| What is required |
Your reply should hold only the lines from the records below where "IFCPRODUCTDEFINITIONSHAPE" occurs.

| Records for this task |

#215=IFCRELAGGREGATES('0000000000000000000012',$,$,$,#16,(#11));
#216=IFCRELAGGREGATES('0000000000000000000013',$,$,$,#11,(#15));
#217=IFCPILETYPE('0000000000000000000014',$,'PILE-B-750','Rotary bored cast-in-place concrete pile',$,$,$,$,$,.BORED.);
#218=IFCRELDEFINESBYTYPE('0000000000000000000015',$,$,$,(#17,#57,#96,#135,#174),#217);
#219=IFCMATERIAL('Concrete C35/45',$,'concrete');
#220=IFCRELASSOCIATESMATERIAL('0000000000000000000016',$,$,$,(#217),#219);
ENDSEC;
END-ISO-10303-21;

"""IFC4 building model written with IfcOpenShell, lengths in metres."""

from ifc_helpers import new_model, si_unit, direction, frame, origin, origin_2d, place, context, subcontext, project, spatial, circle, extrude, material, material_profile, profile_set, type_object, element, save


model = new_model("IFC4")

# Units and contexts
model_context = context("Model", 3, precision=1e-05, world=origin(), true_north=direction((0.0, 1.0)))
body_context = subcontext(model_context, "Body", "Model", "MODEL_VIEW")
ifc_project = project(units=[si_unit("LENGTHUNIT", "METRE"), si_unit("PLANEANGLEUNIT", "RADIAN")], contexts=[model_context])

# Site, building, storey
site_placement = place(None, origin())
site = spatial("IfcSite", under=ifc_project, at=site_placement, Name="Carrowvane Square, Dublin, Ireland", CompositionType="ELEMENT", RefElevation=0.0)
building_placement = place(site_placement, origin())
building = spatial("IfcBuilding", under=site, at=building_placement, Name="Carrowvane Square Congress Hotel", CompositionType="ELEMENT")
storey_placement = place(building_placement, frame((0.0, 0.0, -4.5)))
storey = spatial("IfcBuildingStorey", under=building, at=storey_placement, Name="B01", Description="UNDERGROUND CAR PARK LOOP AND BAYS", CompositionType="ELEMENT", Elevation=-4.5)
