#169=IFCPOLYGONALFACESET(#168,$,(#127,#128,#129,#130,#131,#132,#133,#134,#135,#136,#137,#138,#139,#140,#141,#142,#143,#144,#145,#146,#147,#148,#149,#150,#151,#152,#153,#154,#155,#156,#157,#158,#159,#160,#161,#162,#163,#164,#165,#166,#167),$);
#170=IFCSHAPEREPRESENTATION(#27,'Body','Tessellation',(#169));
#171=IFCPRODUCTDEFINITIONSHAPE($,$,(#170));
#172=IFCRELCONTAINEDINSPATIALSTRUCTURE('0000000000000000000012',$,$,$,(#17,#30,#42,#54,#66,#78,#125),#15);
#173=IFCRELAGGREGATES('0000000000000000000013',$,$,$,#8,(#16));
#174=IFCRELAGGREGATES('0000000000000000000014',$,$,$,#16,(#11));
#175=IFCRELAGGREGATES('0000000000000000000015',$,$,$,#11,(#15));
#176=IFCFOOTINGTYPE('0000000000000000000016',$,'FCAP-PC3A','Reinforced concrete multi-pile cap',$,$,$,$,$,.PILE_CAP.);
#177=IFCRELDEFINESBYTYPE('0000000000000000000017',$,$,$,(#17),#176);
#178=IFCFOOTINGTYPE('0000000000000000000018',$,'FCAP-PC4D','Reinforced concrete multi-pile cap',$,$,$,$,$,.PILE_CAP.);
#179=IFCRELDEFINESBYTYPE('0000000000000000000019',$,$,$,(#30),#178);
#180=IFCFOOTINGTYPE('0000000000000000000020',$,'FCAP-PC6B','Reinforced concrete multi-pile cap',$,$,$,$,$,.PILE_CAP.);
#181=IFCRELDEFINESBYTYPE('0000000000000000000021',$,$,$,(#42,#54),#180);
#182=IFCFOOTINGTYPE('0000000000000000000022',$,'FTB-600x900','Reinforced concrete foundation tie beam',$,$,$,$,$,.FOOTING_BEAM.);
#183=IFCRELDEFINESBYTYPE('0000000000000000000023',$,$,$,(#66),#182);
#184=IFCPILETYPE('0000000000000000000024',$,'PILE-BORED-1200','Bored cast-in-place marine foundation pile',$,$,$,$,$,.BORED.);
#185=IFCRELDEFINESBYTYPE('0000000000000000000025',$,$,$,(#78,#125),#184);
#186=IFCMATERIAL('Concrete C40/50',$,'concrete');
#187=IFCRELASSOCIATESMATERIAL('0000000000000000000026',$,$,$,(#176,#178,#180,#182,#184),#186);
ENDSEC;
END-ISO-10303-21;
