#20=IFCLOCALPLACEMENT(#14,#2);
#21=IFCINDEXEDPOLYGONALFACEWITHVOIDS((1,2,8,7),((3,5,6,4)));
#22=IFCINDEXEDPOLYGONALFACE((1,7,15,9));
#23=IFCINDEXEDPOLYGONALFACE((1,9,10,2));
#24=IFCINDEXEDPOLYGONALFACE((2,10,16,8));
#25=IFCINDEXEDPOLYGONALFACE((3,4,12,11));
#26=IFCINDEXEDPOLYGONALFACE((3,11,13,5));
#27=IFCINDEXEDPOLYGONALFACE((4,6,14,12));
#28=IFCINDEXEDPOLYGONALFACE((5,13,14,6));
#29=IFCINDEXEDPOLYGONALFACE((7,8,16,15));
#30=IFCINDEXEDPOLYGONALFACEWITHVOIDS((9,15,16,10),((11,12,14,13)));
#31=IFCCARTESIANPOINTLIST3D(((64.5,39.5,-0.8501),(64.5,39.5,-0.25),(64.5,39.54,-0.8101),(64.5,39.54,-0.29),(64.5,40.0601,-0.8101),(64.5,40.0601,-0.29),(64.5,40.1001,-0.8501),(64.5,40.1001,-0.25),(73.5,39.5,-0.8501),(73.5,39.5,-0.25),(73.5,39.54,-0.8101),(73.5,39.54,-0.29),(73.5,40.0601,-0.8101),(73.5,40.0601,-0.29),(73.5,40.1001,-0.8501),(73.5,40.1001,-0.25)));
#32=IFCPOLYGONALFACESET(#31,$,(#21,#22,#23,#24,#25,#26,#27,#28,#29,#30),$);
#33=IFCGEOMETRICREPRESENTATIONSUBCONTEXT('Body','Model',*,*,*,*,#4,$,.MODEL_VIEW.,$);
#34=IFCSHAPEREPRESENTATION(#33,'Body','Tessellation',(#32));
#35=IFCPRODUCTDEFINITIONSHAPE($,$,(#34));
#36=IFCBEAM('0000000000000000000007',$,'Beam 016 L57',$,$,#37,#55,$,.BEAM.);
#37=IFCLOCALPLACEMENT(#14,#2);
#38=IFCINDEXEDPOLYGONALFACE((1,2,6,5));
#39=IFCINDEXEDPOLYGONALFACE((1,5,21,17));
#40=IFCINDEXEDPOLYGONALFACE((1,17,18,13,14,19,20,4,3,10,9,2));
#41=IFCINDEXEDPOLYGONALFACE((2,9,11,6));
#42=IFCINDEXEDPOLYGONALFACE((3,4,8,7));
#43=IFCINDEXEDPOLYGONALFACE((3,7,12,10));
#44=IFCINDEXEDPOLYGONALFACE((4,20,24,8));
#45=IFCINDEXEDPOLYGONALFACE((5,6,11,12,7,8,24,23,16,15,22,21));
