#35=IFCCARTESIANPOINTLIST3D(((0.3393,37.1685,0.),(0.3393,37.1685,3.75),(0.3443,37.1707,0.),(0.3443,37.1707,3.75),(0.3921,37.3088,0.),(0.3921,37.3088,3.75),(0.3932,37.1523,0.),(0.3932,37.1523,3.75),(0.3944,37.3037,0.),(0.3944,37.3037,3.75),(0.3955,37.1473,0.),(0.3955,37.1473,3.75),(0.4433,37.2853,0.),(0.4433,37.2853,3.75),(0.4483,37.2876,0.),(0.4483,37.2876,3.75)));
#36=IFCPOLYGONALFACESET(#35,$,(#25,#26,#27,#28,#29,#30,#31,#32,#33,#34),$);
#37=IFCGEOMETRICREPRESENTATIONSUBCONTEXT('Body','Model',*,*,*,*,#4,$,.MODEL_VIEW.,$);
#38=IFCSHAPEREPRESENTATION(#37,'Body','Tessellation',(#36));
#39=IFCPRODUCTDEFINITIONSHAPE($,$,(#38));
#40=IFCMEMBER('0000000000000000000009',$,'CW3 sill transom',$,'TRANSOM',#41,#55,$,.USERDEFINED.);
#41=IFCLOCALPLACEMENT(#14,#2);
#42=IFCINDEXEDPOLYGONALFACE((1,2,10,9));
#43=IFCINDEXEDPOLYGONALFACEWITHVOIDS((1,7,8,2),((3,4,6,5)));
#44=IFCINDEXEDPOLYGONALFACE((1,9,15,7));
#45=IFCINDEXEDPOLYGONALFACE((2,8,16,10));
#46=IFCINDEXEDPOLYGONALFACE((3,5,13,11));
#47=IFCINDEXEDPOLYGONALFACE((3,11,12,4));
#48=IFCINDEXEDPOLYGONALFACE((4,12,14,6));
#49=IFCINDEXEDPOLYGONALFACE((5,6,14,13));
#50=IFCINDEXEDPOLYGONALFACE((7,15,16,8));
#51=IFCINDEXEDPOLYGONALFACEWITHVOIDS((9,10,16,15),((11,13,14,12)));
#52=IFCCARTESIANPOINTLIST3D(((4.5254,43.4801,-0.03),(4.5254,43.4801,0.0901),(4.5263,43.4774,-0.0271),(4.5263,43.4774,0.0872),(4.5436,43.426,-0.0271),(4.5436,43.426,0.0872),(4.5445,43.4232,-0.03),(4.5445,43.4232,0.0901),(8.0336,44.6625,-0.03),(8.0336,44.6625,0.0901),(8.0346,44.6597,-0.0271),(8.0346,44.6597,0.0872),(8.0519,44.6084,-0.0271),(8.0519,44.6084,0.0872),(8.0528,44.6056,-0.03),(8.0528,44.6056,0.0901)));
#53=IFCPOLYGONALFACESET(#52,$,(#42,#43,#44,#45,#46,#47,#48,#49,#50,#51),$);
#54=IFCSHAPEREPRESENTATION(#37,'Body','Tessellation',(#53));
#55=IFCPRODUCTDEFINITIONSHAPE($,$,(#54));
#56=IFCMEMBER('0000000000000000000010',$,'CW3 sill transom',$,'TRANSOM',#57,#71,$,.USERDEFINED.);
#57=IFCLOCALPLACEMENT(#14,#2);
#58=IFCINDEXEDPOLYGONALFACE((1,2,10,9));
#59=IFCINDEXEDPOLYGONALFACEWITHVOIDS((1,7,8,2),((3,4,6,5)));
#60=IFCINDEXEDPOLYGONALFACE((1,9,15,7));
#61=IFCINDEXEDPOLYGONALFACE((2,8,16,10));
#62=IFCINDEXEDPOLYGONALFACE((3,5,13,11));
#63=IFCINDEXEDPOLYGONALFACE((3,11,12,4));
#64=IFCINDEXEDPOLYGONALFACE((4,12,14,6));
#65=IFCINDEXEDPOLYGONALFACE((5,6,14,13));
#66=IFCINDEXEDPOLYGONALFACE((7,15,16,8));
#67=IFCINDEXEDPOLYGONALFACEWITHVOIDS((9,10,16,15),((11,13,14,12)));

| Worked solution |
#171=IFCPRODUCTDEFINITIONSHAPE($,$,(#170));
#35=IFCPRODUCTDEFINITIONSHAPE($,$,(#34));
#39=IFCPRODUCTDEFINITIONSHAPE($,$,(#38));
#55=IFCPRODUCTDEFINITIONSHAPE($,$,(#54));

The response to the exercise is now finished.